§ Task description
Please take the lines from the one holding "#204=IFCMATERIAL('Aluminium 6063-T6',$,'aluminium');" through the one holding "#216=IFCMATERIALLAYERSET((#215),'Low-E double glazed" in the data below and copy them exactly.

§ Data for review
=== Begin Enclosure ===

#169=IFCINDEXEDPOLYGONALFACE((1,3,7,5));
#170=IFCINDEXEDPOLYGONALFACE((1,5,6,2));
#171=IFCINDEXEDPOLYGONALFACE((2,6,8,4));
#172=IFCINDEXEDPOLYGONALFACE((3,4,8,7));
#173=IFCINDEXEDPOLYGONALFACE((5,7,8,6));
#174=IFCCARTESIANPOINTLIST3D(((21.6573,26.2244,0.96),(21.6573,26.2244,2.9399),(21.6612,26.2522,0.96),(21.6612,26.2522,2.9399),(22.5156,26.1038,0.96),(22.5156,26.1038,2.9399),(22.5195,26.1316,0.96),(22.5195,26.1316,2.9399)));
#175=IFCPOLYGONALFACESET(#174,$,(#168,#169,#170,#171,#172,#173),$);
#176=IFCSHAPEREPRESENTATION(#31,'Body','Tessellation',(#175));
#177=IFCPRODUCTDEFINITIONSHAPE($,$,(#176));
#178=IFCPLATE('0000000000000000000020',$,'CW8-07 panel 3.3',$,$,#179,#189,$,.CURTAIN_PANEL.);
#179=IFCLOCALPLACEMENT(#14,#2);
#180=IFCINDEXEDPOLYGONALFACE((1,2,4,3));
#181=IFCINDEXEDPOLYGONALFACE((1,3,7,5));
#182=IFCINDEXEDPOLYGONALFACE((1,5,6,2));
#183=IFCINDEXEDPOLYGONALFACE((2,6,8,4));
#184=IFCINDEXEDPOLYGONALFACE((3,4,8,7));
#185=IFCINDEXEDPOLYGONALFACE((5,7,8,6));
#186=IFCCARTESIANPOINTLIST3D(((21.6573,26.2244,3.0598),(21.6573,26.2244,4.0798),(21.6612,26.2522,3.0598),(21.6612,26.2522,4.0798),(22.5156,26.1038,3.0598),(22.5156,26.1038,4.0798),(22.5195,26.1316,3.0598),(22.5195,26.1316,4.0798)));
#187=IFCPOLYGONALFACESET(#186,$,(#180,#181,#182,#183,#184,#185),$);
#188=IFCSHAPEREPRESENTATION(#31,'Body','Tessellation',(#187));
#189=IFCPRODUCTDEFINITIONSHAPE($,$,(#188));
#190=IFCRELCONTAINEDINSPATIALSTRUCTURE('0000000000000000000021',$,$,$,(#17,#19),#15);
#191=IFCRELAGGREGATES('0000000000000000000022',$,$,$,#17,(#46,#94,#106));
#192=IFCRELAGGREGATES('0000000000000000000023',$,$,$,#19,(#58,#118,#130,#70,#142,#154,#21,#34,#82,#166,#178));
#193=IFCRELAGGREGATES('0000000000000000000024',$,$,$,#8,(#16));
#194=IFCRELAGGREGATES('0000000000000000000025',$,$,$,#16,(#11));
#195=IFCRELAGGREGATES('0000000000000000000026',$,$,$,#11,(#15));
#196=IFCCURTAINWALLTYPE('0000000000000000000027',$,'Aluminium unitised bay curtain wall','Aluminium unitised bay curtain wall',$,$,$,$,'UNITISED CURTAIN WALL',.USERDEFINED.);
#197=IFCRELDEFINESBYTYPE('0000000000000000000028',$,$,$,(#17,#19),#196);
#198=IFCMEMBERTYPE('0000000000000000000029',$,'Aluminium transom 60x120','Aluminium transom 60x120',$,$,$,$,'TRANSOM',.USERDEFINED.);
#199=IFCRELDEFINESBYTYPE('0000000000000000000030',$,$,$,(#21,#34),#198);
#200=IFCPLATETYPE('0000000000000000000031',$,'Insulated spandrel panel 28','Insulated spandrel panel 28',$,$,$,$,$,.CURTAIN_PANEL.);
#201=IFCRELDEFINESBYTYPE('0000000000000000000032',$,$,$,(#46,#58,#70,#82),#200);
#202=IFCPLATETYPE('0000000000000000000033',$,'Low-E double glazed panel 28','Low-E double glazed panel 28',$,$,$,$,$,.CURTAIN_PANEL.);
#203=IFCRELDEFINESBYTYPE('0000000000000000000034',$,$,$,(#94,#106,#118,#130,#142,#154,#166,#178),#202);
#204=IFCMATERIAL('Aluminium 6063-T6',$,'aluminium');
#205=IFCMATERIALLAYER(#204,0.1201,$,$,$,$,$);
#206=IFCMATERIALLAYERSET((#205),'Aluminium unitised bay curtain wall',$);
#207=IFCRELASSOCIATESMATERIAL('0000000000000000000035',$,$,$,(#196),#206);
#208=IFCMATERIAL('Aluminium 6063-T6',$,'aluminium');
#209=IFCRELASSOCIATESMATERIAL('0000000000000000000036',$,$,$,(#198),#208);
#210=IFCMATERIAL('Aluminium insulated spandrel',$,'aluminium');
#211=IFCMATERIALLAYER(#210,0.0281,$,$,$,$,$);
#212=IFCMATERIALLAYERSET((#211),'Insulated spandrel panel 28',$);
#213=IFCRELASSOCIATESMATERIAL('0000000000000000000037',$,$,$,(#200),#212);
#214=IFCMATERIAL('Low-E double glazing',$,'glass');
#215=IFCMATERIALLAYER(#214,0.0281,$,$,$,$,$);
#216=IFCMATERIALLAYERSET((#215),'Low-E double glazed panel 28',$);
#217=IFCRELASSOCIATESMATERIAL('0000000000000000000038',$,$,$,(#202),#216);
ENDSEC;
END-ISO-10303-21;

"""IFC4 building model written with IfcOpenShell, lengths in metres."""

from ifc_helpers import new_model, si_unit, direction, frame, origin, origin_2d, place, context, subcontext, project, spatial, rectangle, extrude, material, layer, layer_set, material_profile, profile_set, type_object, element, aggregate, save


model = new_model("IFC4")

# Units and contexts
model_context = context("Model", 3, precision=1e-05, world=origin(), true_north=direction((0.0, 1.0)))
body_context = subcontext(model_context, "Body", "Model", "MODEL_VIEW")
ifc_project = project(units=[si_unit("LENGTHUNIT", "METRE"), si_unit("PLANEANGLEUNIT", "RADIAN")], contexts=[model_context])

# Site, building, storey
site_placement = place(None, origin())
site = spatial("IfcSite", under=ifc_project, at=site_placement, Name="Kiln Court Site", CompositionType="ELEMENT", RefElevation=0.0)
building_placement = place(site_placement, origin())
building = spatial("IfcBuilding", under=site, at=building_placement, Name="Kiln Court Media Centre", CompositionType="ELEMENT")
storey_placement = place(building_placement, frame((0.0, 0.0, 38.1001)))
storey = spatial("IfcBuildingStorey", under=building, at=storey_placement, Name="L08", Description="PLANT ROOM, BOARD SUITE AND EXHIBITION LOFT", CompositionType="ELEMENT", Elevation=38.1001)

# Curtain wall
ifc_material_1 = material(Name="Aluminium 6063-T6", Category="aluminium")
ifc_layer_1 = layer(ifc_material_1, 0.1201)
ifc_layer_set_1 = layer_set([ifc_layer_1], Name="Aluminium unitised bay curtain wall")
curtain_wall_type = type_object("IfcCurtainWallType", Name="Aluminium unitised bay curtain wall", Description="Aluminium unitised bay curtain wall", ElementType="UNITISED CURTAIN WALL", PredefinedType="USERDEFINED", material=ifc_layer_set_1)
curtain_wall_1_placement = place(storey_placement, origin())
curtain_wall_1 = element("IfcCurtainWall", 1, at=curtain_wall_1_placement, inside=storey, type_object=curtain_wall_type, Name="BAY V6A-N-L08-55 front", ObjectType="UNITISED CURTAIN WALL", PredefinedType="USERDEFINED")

=== End Enclosure ===

§ Written answer
#204=IFCMATERIAL('Aluminium 6063-T6',$,'aluminium');
#205=IFCMATERIALLAYER(#204,0.1201,$,$,$,$,$);
#206=IFCMATERIALLAYERSET((#205),'Aluminium unitised bay curtain wall',$);
#207=IFCRELASSOCIATESMATERIAL('0000000000000000000035',$,$,$,(#196),#206);
#208=IFCMATERIAL('Aluminium 6063-T6',$,'aluminium');
#209=IFCRELASSOCIATESMATERIAL('0000000000000000000036',$,$,$,(#198),#208);
#210=IFCMATERIAL('Aluminium insulated spandrel',$,'aluminium');
#211=IFCMATERIALLAYER(#210,0.0281,$,$,$,$,$);
#212=IFCMATERIALLAYERSET((#211),'Insulated spandrel panel 28',$);
#213=IFCRELASSOCIATESMATERIAL('0000000000000000000037',$,$,$,(#200),#212);
#214=IFCMATERIAL('Low-E double glazing',$,'glass');
#215=IFCMATERIALLAYER(#214,0.0281,$,$,$,$,$);
#216=IFCMATERIALLAYERSET((#215),'Low-E double glazed panel 28',$);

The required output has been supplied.